## Record extracts

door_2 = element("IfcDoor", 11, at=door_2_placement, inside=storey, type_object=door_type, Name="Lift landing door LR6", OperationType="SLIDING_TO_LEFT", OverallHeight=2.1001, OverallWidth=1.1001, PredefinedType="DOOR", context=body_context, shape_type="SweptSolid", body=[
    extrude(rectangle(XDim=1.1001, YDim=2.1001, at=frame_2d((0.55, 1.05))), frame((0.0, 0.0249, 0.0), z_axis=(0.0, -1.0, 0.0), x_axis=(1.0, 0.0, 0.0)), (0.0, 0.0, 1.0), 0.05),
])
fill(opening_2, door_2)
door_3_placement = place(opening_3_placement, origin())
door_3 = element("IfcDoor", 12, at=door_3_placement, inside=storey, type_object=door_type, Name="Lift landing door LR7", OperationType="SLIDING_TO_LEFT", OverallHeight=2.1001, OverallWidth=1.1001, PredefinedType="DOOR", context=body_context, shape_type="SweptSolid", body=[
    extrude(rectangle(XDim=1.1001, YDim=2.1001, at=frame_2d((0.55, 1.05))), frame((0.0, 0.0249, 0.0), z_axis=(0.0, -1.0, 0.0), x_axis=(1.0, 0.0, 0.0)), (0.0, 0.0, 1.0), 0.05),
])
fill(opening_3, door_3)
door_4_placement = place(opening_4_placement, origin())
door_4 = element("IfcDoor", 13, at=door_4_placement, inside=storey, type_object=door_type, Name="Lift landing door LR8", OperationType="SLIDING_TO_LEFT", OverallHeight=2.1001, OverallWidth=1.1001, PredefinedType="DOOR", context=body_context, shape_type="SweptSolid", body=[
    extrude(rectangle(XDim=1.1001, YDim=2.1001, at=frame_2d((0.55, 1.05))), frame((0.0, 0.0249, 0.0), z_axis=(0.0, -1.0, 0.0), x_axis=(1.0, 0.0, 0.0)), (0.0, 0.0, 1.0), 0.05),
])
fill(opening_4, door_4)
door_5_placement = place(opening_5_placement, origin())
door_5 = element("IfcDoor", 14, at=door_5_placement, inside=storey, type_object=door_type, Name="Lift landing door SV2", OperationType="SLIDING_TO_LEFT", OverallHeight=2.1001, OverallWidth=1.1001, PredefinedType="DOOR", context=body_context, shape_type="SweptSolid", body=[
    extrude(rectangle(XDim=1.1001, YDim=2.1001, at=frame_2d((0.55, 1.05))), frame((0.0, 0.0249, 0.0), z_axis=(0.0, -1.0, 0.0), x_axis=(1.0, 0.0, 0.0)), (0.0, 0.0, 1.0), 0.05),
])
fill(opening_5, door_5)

## Your task
Repeat all the entries word for word.

## Exercise output
door_2 = element("IfcDoor", 11, at=door_2_placement, inside=storey, type_object=door_type, Name="Lift landing door LR6", OperationType="SLIDING_TO_LEFT", OverallHeight=2.1001, OverallWidth=1.1001, PredefinedType="DOOR", context=body_context, shape_type="SweptSolid", body=[
    extrude(rectangle(XDim=1.1001, YDim=2.1001, at=frame_2d((0.55, 1.05))), frame((0.0, 0.0249, 0.0), z_axis=(0.0, -1.0, 0.0), x_axis=(1.0, 0.0, 0.0)), (0.0, 0.0, 1.0), 0.05),
])
fill(opening_2, door_2)
door_3_placement = place(opening_3_placement, origin())
door_3 = element("IfcDoor", 12, at=door_3_placement, inside=storey, type_object=door_type, Name="Lift landing door LR7", OperationType="SLIDING_TO_LEFT", OverallHeight=2.1001, OverallWidth=1.1001, PredefinedType="DOOR", context=body_context, shape_type="SweptSolid", body=[
    extrude(rectangle(XDim=1.1001, YDim=2.1001, at=frame_2d((0.55, 1.05))), frame((0.0, 0.0249, 0.0), z_axis=(0.0, -1.0, 0.0), x_axis=(1.0, 0.0, 0.0)), (0.0, 0.0, 1.0), 0.05),
])
fill(opening_3, door_3)
door_4_placement = place(opening_4_placement, origin())
door_4 = element("IfcDoor", 13, at=door_4_placement, inside=storey, type_object=door_type, Name="Lift landing door LR8", OperationType="SLIDING_TO_LEFT", OverallHeight=2.1001, OverallWidth=1.1001, PredefinedType="DOOR", context=body_context, shape_type="SweptSolid", body=[
    extrude(rectangle(XDim=1.1001, YDim=2.1001, at=frame_2d((0.55, 1.05))), frame((0.0, 0.0249, 0.0), z_axis=(0.0, -1.0, 0.0), x_axis=(1.0, 0.0, 0.0)), (0.0, 0.0, 1.0), 0.05),
])
fill(opening_4, door_4)
door_5_placement = place(opening_5_placement, origin())
door_5 = element("IfcDoor", 14, at=door_5_placement, inside=storey, type_object=door_type, Name="Lift landing door SV2", OperationType="SLIDING_TO_LEFT", OverallHeight=2.1001, OverallWidth=1.1001, PredefinedType="DOOR", context=body_context, shape_type="SweptSolid", body=[
    extrude(rectangle(XDim=1.1001, YDim=2.1001, at=frame_2d((0.55, 1.05))), frame((0.0, 0.0249, 0.0), z_axis=(0.0, -1.0, 0.0), x_axis=(1.0, 0.0, 0.0)), (0.0, 0.0, 1.0), 0.05),
])
fill(opening_5, door_5)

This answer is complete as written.